[Data extract — start]
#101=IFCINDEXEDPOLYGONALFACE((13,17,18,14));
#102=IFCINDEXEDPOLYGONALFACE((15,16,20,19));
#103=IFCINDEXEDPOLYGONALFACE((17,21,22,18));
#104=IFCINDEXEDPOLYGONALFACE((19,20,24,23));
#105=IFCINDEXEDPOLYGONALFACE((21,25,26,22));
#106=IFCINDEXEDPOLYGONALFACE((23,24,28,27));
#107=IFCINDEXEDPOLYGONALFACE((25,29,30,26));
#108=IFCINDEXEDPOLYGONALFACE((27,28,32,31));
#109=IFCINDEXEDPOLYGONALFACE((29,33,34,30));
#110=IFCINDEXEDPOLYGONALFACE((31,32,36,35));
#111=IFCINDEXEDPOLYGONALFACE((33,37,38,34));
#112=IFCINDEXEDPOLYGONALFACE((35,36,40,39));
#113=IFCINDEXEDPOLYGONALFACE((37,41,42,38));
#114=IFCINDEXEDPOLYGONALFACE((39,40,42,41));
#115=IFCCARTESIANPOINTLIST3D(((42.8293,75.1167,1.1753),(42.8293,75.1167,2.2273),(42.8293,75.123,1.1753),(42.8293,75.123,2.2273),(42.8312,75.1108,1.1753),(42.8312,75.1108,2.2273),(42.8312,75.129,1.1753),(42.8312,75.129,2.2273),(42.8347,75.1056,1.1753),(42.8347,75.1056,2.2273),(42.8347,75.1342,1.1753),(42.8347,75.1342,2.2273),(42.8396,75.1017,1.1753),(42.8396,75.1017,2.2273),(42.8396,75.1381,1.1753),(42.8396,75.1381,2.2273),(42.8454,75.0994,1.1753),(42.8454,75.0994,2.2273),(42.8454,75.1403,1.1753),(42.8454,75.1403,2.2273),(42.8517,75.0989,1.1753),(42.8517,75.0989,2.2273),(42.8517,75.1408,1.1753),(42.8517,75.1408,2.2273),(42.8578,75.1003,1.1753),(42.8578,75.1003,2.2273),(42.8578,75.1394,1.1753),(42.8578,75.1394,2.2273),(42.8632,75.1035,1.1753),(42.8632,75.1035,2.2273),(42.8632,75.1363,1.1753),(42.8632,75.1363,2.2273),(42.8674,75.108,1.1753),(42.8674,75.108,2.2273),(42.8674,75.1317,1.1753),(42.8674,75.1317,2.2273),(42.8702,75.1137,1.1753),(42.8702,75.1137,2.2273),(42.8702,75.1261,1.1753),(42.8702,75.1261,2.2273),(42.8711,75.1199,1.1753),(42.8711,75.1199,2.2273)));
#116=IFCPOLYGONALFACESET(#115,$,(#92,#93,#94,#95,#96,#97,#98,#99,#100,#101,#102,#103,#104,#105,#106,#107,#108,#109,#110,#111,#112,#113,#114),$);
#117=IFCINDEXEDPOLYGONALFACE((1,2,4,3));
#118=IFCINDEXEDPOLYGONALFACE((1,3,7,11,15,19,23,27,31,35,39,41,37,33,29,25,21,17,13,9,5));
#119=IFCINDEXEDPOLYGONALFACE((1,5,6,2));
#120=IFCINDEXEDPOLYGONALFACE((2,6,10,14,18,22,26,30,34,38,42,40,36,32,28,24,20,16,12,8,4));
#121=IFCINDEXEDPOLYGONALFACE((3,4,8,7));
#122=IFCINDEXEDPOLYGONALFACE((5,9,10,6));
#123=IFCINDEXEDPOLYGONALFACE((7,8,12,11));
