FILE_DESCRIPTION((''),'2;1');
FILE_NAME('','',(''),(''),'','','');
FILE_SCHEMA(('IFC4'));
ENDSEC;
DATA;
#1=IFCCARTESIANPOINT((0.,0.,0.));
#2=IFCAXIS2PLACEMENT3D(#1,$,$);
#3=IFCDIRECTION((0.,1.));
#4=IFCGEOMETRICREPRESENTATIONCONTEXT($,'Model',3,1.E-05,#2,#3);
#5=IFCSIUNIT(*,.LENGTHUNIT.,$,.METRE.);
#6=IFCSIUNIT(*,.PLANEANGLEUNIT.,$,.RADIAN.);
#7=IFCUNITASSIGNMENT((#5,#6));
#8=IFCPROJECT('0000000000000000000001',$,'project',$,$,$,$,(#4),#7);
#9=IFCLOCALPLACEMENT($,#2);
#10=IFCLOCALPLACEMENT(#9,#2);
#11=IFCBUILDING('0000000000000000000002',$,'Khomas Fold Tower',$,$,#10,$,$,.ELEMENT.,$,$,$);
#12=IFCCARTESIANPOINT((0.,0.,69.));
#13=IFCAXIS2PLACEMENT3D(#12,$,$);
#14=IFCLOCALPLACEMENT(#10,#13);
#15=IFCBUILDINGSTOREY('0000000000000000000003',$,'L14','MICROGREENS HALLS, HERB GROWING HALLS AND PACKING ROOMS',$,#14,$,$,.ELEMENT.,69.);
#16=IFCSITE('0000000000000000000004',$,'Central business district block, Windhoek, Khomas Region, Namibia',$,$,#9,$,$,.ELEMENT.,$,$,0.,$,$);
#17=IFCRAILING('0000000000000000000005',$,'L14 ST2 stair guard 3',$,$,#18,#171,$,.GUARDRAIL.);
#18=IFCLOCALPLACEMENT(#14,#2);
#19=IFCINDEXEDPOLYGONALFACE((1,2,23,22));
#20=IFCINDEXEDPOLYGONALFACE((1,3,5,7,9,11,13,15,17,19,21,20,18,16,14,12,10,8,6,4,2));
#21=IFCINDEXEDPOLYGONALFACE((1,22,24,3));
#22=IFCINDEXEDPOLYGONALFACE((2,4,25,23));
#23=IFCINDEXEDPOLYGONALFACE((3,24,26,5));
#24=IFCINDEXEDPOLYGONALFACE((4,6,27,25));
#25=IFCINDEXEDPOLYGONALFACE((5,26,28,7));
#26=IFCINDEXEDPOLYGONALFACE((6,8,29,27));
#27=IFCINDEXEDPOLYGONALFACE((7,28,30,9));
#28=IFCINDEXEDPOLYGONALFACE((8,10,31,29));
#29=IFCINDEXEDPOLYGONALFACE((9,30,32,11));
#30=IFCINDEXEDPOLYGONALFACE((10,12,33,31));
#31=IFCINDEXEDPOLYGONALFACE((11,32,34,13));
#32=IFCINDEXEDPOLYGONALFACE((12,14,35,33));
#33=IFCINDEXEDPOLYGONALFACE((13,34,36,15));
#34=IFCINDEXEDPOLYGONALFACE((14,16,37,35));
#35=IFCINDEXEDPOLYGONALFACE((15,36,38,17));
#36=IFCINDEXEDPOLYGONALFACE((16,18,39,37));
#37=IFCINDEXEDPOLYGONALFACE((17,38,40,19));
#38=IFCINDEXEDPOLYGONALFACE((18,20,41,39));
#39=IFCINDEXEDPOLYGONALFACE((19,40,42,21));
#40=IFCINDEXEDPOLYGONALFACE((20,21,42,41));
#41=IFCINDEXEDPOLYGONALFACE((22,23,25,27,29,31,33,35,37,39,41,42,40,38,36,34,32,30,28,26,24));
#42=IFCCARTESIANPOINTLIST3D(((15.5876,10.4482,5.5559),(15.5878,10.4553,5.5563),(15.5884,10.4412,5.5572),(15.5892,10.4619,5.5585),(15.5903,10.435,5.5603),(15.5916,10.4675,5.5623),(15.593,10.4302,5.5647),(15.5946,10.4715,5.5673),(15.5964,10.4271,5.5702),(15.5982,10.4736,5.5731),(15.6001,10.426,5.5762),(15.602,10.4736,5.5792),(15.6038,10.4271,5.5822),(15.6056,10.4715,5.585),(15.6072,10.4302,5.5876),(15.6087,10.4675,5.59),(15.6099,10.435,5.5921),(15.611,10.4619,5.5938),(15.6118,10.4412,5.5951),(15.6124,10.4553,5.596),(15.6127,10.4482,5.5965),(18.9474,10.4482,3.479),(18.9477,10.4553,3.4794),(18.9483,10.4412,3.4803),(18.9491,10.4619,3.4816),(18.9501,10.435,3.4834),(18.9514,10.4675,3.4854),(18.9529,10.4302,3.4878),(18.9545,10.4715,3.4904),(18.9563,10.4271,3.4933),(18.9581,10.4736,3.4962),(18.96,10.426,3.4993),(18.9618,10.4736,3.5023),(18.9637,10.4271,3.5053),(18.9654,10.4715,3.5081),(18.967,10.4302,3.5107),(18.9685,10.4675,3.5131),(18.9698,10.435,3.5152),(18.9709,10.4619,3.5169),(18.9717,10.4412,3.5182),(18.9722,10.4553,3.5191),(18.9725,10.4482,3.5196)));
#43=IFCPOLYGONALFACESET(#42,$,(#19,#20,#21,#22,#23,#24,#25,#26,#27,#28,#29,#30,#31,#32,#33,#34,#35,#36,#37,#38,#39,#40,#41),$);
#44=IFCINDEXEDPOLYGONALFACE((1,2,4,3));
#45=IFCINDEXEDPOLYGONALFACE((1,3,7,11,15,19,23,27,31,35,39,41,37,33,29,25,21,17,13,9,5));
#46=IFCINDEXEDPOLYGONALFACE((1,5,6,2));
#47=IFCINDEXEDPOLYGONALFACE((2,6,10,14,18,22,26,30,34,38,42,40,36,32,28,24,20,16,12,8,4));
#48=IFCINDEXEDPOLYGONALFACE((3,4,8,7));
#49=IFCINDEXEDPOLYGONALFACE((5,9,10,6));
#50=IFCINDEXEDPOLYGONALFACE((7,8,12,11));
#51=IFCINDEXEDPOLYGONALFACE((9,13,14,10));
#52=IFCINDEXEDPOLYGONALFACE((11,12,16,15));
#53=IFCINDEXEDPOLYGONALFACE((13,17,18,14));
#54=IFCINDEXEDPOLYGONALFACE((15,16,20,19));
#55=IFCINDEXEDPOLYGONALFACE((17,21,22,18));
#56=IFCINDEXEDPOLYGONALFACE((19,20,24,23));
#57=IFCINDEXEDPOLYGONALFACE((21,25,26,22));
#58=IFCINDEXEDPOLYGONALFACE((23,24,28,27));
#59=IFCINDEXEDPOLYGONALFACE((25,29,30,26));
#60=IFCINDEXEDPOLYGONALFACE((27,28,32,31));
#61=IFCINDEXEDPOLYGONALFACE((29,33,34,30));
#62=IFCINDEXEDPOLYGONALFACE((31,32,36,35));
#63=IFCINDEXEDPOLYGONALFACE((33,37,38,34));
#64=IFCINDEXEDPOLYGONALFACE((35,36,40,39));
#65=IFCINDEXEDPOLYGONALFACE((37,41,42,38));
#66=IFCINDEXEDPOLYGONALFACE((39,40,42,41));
[Data extract — finish]
Work to be completed. Taking the records from the top, repeat each line exactly until you have repeated the line that contains "#113=IFCINDEXEDPOLYGONALFACE((37,41,42,38));".

Task response.
#101=IFCINDEXEDPOLYGONALFACE((13,17,18,14));
#102=IFCINDEXEDPOLYGONALFACE((15,16,20,19));
#103=IFCINDEXEDPOLYGONALFACE((17,21,22,18));
#104=IFCINDEXEDPOLYGONALFACE((19,20,24,23));
#105=IFCINDEXEDPOLYGONALFACE((21,25,26,22));
#106=IFCINDEXEDPOLYGONALFACE((23,24,28,27));
#107=IFCINDEXEDPOLYGONALFACE((25,29,30,26));
#108=IFCINDEXEDPOLYGONALFACE((27,28,32,31));
#109=IFCINDEXEDPOLYGONALFACE((29,33,34,30));
#110=IFCINDEXEDPOLYGONALFACE((31,32,36,35));
#111=IFCINDEXEDPOLYGONALFACE((33,37,38,34));
#112=IFCINDEXEDPOLYGONALFACE((35,36,40,39));
#113=IFCINDEXEDPOLYGONALFACE((37,41,42,38));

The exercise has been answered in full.